-- DATA FOR THE TASK follows --
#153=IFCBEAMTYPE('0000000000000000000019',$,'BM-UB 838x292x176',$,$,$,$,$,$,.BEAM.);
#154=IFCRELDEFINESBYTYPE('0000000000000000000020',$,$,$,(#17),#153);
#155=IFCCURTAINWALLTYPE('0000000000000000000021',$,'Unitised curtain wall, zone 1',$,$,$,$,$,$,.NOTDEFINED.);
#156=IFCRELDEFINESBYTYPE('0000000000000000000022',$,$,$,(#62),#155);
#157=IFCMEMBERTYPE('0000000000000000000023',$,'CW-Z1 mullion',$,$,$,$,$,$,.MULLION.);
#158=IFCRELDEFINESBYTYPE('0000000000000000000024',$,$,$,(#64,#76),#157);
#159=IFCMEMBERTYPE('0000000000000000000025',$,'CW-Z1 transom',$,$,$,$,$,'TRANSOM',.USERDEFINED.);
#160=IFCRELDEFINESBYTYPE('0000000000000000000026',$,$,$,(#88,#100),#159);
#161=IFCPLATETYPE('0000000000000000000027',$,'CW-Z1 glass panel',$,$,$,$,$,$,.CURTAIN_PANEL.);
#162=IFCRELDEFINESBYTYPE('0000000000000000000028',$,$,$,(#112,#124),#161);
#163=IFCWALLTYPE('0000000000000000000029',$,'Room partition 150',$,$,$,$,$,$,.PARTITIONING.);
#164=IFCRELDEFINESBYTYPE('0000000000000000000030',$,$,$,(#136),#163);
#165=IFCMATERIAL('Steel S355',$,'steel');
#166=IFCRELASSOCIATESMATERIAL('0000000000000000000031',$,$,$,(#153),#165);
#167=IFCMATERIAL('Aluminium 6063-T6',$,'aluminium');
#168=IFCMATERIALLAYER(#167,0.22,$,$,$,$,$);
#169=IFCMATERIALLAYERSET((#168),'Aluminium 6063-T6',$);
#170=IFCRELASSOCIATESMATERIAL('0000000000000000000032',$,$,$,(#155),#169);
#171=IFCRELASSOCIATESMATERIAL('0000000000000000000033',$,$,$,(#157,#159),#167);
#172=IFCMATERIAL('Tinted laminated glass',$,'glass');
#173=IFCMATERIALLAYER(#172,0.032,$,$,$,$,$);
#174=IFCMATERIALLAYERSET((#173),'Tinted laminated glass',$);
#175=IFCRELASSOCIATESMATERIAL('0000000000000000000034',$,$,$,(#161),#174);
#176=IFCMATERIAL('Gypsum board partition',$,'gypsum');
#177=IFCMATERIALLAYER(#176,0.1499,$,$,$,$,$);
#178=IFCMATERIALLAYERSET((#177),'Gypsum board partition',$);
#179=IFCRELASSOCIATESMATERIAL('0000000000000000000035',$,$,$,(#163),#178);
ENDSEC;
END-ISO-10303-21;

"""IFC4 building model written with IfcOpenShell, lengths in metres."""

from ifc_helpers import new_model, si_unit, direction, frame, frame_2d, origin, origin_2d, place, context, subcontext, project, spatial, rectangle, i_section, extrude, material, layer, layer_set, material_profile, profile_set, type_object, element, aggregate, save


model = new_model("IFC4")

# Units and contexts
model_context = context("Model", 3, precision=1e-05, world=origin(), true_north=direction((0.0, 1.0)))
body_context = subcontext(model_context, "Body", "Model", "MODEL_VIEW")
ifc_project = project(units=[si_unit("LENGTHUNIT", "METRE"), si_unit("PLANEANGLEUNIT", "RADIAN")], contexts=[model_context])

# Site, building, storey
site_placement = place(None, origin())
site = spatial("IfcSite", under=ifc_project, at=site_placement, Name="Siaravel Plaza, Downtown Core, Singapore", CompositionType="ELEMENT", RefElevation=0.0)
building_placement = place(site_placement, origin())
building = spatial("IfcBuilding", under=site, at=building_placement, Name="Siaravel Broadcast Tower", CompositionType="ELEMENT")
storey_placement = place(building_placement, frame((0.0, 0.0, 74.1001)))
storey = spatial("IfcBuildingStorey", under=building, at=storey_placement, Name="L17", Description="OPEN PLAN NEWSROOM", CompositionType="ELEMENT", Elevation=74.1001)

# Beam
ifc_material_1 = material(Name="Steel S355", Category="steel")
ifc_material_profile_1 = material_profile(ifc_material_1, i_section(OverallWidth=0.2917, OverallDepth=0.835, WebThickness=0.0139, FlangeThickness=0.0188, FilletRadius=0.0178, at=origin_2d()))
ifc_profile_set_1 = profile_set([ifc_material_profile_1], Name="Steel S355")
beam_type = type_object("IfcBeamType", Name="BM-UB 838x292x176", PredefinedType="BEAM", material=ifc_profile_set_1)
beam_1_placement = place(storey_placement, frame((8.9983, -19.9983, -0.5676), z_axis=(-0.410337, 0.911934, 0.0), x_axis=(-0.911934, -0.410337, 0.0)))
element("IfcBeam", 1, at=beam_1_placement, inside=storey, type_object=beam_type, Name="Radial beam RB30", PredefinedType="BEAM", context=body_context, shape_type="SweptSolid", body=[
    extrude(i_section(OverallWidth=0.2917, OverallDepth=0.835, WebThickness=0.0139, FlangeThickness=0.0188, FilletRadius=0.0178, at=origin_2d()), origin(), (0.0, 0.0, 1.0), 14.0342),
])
-- DATA FOR THE TASK concluded --
> _WHAT IS BEING ASKED_
Print each entry exactly as it appears above.

> _ANSWER BOX_
#153=IFCBEAMTYPE('0000000000000000000019',$,'BM-UB 838x292x176',$,$,$,$,$,$,.BEAM.);
#154=IFCRELDEFINESBYTYPE('0000000000000000000020',$,$,$,(#17),#153);
#155=IFCCURTAINWALLTYPE('0000000000000000000021',$,'Unitised curtain wall, zone 1',$,$,$,$,$,$,.NOTDEFINED.);
#156=IFCRELDEFINESBYTYPE('0000000000000000000022',$,$,$,(#62),#155);
#157=IFCMEMBERTYPE('0000000000000000000023',$,'CW-Z1 mullion',$,$,$,$,$,$,.MULLION.);
#158=IFCRELDEFINESBYTYPE('0000000000000000000024',$,$,$,(#64,#76),#157);
#159=IFCMEMBERTYPE('0000000000000000000025',$,'CW-Z1 transom',$,$,$,$,$,'TRANSOM',.USERDEFINED.);
#160=IFCRELDEFINESBYTYPE('0000000000000000000026',$,$,$,(#88,#100),#159);
#161=IFCPLATETYPE('0000000000000000000027',$,'CW-Z1 glass panel',$,$,$,$,$,$,.CURTAIN_PANEL.);
#162=IFCRELDEFINESBYTYPE('0000000000000000000028',$,$,$,(#112,#124),#161);
#163=IFCWALLTYPE('0000000000000000000029',$,'Room partition 150',$,$,$,$,$,$,.PARTITIONING.);
#164=IFCRELDEFINESBYTYPE('0000000000000000000030',$,$,$,(#136),#163);
#165=IFCMATERIAL('Steel S355',$,'steel');
#166=IFCRELASSOCIATESMATERIAL('0000000000000000000031',$,$,$,(#153),#165);
#167=IFCMATERIAL('Aluminium 6063-T6',$,'aluminium');
#168=IFCMATERIALLAYER(#167,0.22,$,$,$,$,$);
#169=IFCMATERIALLAYERSET((#168),'Aluminium 6063-T6',$);
#170=IFCRELASSOCIATESMATERIAL('0000000000000000000032',$,$,$,(#155),#169);
#171=IFCRELASSOCIATESMATERIAL('0000000000000000000033',$,$,$,(#157,#159),#167);
#172=IFCMATERIAL('Tinted laminated glass',$,'glass');
#173=IFCMATERIALLAYER(#172,0.032,$,$,$,$,$);
#174=IFCMATERIALLAYERSET((#173),'Tinted laminated glass',$);
#175=IFCRELASSOCIATESMATERIAL('0000000000000000000034',$,$,$,(#161),#174);
#176=IFCMATERIAL('Gypsum board partition',$,'gypsum');
#177=IFCMATERIALLAYER(#176,0.1499,$,$,$,$,$);
#178=IFCMATERIALLAYERSET((#177),'Gypsum board partition',$);
#179=IFCRELASSOCIATESMATERIAL('0000000000000000000035',$,$,$,(#163),#178);
ENDSEC;
END-ISO-10303-21;

"""IFC4 building model written with IfcOpenShell, lengths in metres."""

from ifc_helpers import new_model, si_unit, direction, frame, frame_2d, origin, origin_2d, place, context, subcontext, project, spatial, rectangle, i_section, extrude, material, layer, layer_set, material_profile, profile_set, type_object, element, aggregate, save


model = new_model("IFC4")

# Units and contexts
model_context = context("Model", 3, precision=1e-05, world=origin(), true_north=direction((0.0, 1.0)))
body_context = subcontext(model_context, "Body", "Model", "MODEL_VIEW")
ifc_project = project(units=[si_unit("LENGTHUNIT", "METRE"), si_unit("PLANEANGLEUNIT", "RADIAN")], contexts=[model_context])

# Site, building, storey
site_placement = place(None, origin())
site = spatial("IfcSite", under=ifc_project, at=site_placement, Name="Siaravel Plaza, Downtown Core, Singapore", CompositionType="ELEMENT", RefElevation=0.0)
building_placement = place(site_placement, origin())
building = spatial("IfcBuilding", under=site, at=building_placement, Name="Siaravel Broadcast Tower", CompositionType="ELEMENT")
storey_placement = place(building_placement, frame((0.0, 0.0, 74.1001)))
storey = spatial("IfcBuildingStorey", under=building, at=storey_placement, Name="L17", Description="OPEN PLAN NEWSROOM", CompositionType="ELEMENT", Elevation=74.1001)

# Beam
ifc_material_1 = material(Name="Steel S355", Category="steel")
ifc_material_profile_1 = material_profile(ifc_material_1, i_section(OverallWidth=0.2917, OverallDepth=0.835, WebThickness=0.0139, FlangeThickness=0.0188, FilletRadius=0.0178, at=origin_2d()))
ifc_profile_set_1 = profile_set([ifc_material_profile_1], Name="Steel S355")
beam_type = type_object("IfcBeamType", Name="BM-UB 838x292x176", PredefinedType="BEAM", material=ifc_profile_set_1)
beam_1_placement = place(storey_placement, frame((8.9983, -19.9983, -0.5676), z_axis=(-0.410337, 0.911934, 0.0), x_axis=(-0.911934, -0.410337, 0.0)))
element("IfcBeam", 1, at=beam_1_placement, inside=storey, type_object=beam_type, Name="Radial beam RB30", PredefinedType="BEAM", context=body_context, shape_type="SweptSolid", body=[
    extrude(i_section(OverallWidth=0.2917, OverallDepth=0.835, WebThickness=0.0139, FlangeThickness=0.0188, FilletRadius=0.0178, at=origin_2d()), origin(), (0.0, 0.0, 1.0), 14.0342),
])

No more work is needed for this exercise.